*Work required:* The entries below contain a line with "#221=IFCRELAGGREGATES('0000000000000000000032',$,$,$,#11,(#15));" and a line with "#228=IFCMATERIAL('Concrete B40',$,'concrete');". Quote exactly those two lines and all lines between them.

Stored items:

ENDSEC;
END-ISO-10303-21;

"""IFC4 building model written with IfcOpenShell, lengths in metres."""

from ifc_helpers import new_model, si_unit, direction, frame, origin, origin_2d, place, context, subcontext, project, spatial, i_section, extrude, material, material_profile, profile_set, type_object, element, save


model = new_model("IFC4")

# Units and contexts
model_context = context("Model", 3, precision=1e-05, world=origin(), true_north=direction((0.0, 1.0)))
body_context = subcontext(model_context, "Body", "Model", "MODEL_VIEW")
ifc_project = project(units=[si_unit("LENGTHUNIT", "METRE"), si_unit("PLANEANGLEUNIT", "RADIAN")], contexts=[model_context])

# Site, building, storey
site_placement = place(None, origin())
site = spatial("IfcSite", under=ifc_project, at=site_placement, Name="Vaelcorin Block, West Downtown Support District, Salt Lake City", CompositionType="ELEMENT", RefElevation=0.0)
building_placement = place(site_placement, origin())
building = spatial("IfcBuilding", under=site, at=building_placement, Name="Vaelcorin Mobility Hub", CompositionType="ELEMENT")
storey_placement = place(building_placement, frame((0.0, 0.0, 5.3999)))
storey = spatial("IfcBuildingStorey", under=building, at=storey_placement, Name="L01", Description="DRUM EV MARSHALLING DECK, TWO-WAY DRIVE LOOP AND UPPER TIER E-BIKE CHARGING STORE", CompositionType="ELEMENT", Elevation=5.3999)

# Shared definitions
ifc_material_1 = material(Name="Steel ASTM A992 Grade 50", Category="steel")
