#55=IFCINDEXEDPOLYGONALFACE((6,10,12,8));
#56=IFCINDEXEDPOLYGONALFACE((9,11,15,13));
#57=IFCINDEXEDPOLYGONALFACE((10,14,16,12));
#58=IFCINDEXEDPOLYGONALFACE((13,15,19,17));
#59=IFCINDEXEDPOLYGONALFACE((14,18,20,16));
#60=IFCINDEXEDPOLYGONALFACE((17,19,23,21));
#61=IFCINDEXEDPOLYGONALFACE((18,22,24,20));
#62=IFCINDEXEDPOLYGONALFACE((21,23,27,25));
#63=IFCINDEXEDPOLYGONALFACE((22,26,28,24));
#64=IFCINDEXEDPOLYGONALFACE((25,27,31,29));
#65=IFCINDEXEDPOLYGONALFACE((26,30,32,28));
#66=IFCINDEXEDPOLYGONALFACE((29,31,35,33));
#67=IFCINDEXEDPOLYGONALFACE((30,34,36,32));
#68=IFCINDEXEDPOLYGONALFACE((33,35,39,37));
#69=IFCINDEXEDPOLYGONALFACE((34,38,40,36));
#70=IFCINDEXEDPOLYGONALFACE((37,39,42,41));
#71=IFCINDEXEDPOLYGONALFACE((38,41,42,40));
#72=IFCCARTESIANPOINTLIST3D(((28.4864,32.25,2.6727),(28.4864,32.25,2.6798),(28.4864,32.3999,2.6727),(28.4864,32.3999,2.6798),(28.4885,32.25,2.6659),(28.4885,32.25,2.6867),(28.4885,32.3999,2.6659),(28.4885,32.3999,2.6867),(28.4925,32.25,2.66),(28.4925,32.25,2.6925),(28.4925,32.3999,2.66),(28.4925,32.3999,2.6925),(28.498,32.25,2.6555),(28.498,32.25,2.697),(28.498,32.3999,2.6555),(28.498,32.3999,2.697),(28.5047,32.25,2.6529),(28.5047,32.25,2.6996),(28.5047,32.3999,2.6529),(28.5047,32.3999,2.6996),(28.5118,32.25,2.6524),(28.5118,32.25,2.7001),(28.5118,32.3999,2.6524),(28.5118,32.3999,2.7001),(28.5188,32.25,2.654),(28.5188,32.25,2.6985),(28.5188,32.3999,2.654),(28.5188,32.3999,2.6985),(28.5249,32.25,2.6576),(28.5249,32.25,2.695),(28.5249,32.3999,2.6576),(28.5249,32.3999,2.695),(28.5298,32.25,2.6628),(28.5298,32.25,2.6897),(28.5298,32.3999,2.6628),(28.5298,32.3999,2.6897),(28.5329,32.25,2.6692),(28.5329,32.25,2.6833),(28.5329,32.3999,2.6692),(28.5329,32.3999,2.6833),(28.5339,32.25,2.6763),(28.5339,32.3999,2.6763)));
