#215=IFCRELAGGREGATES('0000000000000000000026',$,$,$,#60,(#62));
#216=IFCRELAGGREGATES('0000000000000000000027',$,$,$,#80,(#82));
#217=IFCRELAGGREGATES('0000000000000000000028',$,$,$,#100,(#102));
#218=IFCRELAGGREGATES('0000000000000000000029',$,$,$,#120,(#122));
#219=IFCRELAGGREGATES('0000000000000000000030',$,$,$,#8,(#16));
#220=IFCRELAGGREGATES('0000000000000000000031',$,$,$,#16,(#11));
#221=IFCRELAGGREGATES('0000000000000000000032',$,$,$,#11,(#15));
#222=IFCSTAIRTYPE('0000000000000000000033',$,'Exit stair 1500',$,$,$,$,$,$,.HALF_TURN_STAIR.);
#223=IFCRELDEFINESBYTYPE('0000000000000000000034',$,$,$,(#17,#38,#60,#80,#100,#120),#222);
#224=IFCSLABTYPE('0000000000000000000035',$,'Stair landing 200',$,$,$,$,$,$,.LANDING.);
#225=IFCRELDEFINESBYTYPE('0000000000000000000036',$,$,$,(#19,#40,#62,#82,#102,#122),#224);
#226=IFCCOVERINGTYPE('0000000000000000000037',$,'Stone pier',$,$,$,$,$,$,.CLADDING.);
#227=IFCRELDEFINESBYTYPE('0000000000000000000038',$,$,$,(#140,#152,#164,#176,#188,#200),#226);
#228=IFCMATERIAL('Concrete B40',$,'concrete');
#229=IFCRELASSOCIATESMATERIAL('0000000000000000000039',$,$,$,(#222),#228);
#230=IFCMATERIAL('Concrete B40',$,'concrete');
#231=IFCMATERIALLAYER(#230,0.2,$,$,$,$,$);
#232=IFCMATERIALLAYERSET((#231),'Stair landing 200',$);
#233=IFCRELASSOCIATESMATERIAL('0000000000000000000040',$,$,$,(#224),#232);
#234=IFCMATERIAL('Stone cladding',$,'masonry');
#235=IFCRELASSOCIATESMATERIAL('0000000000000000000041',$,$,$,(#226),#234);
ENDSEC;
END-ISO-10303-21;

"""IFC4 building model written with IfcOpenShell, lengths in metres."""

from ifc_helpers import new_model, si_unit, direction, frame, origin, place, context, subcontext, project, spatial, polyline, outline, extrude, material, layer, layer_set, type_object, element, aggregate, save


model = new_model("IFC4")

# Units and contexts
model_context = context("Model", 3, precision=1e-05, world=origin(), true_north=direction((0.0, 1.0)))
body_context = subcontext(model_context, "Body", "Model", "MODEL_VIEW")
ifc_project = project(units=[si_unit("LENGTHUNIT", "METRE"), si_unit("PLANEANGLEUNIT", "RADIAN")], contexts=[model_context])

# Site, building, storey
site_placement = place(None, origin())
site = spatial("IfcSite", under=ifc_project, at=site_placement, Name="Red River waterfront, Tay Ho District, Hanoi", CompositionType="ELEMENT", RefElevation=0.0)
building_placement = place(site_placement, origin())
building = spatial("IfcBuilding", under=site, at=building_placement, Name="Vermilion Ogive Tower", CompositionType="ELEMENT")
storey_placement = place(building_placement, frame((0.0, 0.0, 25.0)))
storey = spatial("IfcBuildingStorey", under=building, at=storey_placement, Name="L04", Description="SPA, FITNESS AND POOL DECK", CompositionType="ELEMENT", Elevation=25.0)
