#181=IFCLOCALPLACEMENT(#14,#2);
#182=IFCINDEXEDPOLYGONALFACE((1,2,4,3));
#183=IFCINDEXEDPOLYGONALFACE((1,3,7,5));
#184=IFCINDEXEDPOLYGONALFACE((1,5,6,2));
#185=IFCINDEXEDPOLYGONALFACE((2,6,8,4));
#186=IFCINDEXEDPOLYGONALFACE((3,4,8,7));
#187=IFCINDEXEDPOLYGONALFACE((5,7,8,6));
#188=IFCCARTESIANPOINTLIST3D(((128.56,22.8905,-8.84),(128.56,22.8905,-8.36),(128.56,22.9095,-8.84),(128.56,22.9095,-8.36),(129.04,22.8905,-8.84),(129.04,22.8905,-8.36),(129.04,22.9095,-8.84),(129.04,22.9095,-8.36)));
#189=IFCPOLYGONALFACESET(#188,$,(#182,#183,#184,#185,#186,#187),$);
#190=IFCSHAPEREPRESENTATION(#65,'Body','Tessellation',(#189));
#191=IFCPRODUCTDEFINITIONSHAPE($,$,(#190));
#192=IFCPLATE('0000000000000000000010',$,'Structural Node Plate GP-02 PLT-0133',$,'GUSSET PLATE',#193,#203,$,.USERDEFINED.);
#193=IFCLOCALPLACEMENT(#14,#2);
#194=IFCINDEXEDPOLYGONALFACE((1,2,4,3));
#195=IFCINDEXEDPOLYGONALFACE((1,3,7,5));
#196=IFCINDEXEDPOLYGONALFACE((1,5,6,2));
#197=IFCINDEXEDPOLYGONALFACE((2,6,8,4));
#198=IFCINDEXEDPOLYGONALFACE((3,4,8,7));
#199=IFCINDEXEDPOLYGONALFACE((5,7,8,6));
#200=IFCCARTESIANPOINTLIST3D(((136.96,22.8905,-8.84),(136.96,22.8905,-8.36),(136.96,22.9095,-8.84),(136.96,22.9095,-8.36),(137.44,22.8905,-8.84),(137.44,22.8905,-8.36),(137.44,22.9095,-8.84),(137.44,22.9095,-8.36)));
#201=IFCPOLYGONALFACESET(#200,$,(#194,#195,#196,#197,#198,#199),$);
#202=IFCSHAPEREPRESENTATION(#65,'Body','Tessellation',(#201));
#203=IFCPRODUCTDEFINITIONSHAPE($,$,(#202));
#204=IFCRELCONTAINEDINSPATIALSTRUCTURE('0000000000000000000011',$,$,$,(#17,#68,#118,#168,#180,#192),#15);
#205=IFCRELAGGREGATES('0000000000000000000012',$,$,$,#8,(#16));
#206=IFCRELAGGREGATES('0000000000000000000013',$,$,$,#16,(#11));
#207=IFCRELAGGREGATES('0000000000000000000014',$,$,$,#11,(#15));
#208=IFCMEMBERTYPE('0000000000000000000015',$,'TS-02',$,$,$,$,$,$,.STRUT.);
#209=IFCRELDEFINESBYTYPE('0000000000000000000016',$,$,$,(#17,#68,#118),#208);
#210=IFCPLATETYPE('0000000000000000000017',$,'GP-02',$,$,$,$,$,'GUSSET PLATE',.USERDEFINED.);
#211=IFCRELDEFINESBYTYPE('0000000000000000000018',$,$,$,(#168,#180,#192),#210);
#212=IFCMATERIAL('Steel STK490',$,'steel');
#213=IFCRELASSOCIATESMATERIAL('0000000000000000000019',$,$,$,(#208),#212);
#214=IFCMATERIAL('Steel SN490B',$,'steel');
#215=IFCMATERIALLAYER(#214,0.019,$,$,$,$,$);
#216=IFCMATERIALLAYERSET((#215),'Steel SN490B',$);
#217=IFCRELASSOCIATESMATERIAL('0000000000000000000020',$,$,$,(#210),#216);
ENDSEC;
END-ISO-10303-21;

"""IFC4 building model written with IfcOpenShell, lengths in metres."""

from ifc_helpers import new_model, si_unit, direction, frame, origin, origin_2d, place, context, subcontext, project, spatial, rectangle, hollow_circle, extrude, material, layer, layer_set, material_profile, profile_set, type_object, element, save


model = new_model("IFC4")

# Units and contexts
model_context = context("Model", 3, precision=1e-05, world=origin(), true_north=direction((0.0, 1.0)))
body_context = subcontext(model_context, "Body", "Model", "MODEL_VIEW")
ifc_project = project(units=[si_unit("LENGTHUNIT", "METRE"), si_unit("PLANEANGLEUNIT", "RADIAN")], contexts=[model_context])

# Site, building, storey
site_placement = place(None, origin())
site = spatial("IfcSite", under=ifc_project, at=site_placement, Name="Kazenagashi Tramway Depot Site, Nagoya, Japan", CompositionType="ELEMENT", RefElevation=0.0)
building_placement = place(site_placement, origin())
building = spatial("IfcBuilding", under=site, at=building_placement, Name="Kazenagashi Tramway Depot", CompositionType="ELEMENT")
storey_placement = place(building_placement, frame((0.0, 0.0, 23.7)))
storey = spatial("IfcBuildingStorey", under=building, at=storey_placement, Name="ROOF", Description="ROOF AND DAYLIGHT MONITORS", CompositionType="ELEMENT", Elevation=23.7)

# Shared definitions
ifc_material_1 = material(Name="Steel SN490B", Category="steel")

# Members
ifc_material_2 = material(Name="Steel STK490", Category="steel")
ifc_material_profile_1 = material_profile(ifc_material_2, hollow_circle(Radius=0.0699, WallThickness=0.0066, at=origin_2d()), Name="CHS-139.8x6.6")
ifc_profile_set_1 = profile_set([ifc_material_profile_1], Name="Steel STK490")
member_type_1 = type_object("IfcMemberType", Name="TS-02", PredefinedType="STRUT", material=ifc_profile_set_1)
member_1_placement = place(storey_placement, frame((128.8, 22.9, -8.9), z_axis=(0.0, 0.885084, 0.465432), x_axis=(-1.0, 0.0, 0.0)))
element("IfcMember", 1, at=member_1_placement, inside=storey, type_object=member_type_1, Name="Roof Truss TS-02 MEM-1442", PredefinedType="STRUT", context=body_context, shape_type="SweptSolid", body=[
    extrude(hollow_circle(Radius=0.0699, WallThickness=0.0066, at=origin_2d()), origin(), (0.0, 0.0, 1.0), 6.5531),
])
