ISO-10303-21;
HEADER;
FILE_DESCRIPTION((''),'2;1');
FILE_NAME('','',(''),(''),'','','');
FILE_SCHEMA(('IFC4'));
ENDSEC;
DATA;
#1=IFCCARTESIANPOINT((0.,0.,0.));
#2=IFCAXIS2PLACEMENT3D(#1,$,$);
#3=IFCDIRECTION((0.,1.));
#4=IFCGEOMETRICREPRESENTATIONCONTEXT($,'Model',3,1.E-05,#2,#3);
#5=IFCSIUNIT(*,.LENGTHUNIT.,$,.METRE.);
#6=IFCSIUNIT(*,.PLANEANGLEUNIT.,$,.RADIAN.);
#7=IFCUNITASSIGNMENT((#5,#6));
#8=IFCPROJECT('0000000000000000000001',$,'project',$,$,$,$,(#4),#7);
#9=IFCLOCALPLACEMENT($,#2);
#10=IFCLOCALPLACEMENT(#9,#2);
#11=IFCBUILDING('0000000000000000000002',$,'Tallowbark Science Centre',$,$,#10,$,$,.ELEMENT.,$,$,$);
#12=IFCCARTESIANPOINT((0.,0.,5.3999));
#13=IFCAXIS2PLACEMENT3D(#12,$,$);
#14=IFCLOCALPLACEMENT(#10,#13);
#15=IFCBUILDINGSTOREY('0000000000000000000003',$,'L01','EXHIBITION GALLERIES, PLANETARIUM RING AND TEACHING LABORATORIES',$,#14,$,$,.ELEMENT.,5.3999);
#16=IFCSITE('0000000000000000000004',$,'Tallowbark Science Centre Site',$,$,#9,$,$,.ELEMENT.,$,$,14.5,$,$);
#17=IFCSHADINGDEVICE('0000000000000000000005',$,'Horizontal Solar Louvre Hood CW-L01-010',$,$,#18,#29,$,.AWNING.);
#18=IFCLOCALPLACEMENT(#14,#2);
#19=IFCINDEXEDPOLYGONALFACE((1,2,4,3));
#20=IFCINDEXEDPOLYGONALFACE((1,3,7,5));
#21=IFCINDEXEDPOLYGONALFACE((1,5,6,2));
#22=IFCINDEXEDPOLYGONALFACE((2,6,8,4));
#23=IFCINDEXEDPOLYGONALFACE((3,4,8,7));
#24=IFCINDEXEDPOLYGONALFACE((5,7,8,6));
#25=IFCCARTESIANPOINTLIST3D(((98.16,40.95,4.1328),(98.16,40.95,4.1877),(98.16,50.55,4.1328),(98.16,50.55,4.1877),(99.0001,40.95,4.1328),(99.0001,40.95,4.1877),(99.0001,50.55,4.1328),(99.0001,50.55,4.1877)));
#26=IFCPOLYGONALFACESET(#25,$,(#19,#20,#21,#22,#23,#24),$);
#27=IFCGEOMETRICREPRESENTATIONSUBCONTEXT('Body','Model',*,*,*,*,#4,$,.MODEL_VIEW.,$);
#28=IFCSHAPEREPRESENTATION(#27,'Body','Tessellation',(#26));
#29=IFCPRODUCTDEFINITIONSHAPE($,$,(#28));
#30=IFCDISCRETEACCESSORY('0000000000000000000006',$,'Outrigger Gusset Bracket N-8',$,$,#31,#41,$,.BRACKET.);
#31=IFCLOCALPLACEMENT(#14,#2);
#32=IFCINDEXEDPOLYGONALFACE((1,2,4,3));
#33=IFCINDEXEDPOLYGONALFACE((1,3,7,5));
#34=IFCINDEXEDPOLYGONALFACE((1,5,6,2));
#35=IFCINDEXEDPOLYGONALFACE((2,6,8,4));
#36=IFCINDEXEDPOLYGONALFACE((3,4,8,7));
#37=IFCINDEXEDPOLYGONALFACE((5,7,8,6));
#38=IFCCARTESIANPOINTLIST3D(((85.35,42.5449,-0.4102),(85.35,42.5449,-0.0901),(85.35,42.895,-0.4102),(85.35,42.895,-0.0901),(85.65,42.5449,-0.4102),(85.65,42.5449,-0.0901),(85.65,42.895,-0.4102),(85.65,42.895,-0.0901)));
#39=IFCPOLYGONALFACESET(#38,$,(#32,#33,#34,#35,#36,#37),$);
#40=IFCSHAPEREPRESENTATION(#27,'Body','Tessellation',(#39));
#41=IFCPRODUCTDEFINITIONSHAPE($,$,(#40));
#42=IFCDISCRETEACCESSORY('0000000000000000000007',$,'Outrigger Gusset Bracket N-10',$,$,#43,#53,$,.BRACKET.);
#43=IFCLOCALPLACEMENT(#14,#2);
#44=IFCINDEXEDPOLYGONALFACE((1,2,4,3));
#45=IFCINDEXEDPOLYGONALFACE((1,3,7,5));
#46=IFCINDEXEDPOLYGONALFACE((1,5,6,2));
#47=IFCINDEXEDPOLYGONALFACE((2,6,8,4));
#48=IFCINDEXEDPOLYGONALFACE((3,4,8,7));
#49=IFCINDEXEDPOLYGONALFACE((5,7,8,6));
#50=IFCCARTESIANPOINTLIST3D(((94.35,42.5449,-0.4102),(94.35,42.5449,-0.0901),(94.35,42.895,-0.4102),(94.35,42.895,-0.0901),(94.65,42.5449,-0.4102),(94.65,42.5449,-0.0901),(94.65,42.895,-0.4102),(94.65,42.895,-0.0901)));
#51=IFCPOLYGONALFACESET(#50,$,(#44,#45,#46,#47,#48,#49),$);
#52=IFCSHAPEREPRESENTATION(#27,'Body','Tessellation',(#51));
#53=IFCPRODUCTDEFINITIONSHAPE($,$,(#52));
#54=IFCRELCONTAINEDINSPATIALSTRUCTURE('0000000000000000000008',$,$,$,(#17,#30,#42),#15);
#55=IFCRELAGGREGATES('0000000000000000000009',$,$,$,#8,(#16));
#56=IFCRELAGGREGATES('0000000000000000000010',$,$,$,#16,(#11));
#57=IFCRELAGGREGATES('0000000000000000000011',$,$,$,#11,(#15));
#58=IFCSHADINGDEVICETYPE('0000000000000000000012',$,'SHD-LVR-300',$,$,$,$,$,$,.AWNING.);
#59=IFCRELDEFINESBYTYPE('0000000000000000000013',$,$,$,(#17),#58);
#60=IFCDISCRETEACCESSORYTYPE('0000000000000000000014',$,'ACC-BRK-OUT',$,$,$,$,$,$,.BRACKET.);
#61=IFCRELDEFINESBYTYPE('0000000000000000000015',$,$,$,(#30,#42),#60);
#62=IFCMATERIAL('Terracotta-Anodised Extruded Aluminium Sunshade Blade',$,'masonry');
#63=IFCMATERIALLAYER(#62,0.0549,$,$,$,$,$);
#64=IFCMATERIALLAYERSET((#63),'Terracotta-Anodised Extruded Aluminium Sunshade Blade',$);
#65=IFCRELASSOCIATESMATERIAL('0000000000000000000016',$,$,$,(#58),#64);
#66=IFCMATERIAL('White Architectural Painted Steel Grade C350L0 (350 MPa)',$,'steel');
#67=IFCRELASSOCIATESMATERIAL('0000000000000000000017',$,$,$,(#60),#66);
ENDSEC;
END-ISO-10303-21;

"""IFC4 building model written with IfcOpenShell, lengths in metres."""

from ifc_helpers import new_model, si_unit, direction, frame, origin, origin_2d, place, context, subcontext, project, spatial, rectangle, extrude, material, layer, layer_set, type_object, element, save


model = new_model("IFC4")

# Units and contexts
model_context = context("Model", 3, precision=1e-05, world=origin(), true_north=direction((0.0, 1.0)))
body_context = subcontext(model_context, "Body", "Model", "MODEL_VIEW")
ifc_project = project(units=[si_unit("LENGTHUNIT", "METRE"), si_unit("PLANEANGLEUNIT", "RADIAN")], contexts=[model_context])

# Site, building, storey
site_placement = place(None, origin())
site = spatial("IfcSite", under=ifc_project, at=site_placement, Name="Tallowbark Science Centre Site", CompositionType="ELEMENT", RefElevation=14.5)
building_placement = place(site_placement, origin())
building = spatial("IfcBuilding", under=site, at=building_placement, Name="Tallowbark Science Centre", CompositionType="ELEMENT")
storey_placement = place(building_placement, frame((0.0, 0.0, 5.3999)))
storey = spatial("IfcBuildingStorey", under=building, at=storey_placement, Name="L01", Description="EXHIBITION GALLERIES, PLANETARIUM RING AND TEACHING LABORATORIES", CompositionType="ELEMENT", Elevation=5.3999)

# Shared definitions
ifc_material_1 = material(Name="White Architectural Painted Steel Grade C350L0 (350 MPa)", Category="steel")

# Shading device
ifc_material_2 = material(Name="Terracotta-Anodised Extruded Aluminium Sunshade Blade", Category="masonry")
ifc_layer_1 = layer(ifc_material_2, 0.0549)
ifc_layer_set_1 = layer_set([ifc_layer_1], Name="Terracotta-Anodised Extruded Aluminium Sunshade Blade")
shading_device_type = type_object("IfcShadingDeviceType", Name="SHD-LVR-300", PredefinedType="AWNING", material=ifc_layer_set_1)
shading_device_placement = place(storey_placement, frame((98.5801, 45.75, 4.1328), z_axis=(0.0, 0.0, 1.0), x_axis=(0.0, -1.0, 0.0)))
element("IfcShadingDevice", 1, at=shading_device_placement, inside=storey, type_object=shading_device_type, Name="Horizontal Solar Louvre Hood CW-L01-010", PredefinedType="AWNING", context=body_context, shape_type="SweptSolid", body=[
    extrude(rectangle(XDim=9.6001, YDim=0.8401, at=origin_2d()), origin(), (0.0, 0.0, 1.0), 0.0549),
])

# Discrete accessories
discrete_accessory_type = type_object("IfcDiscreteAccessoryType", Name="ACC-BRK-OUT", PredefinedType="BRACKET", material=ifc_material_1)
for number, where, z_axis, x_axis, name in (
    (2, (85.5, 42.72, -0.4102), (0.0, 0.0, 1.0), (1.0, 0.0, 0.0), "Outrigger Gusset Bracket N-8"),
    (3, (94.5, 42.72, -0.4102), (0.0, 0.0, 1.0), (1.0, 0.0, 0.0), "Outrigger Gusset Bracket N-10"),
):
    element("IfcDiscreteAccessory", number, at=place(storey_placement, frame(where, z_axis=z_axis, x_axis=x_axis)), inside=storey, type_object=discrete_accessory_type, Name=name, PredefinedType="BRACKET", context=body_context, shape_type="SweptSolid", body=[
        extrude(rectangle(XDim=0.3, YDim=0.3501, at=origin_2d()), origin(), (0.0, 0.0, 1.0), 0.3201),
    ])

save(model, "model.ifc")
...
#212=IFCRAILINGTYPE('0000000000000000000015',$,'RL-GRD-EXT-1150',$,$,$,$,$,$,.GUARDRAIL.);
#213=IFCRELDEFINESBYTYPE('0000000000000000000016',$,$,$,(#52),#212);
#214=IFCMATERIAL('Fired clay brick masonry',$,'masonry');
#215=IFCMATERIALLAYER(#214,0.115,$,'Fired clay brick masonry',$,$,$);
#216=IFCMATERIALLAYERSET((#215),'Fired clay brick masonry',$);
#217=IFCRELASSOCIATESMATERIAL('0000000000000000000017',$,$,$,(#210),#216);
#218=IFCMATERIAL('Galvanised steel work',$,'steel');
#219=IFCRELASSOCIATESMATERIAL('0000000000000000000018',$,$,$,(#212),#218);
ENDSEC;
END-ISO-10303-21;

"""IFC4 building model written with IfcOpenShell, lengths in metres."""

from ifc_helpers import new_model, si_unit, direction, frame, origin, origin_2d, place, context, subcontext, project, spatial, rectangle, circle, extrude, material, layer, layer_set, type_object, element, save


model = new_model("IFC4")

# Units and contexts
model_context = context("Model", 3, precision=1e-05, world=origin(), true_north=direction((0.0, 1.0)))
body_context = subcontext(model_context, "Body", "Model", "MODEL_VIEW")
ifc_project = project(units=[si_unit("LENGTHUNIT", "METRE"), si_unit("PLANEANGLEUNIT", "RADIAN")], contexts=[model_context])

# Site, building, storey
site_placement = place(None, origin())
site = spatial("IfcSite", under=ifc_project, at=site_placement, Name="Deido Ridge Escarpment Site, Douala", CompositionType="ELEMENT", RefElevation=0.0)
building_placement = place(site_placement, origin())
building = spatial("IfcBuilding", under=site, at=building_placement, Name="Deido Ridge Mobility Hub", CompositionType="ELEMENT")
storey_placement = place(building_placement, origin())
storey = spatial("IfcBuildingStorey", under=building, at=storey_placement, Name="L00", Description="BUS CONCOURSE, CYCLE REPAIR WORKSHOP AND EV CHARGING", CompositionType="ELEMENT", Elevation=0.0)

*Exercise output:*
#221=IFCRELAGGREGATES('0000000000000000000032',$,$,$,#11,(#15));
#222=IFCSTAIRTYPE('0000000000000000000033',$,'Exit stair 1500',$,$,$,$,$,$,.HALF_TURN_STAIR.);
#223=IFCRELDEFINESBYTYPE('0000000000000000000034',$,$,$,(#17,#38,#60,#80,#100,#120),#222);
#224=IFCSLABTYPE('0000000000000000000035',$,'Stair landing 200',$,$,$,$,$,$,.LANDING.);
#225=IFCRELDEFINESBYTYPE('0000000000000000000036',$,$,$,(#19,#40,#62,#82,#102,#122),#224);
#226=IFCCOVERINGTYPE('0000000000000000000037',$,'Stone pier',$,$,$,$,$,$,.CLADDING.);
#227=IFCRELDEFINESBYTYPE('0000000000000000000038',$,$,$,(#140,#152,#164,#176,#188,#200),#226);
#228=IFCMATERIAL('Concrete B40',$,'concrete');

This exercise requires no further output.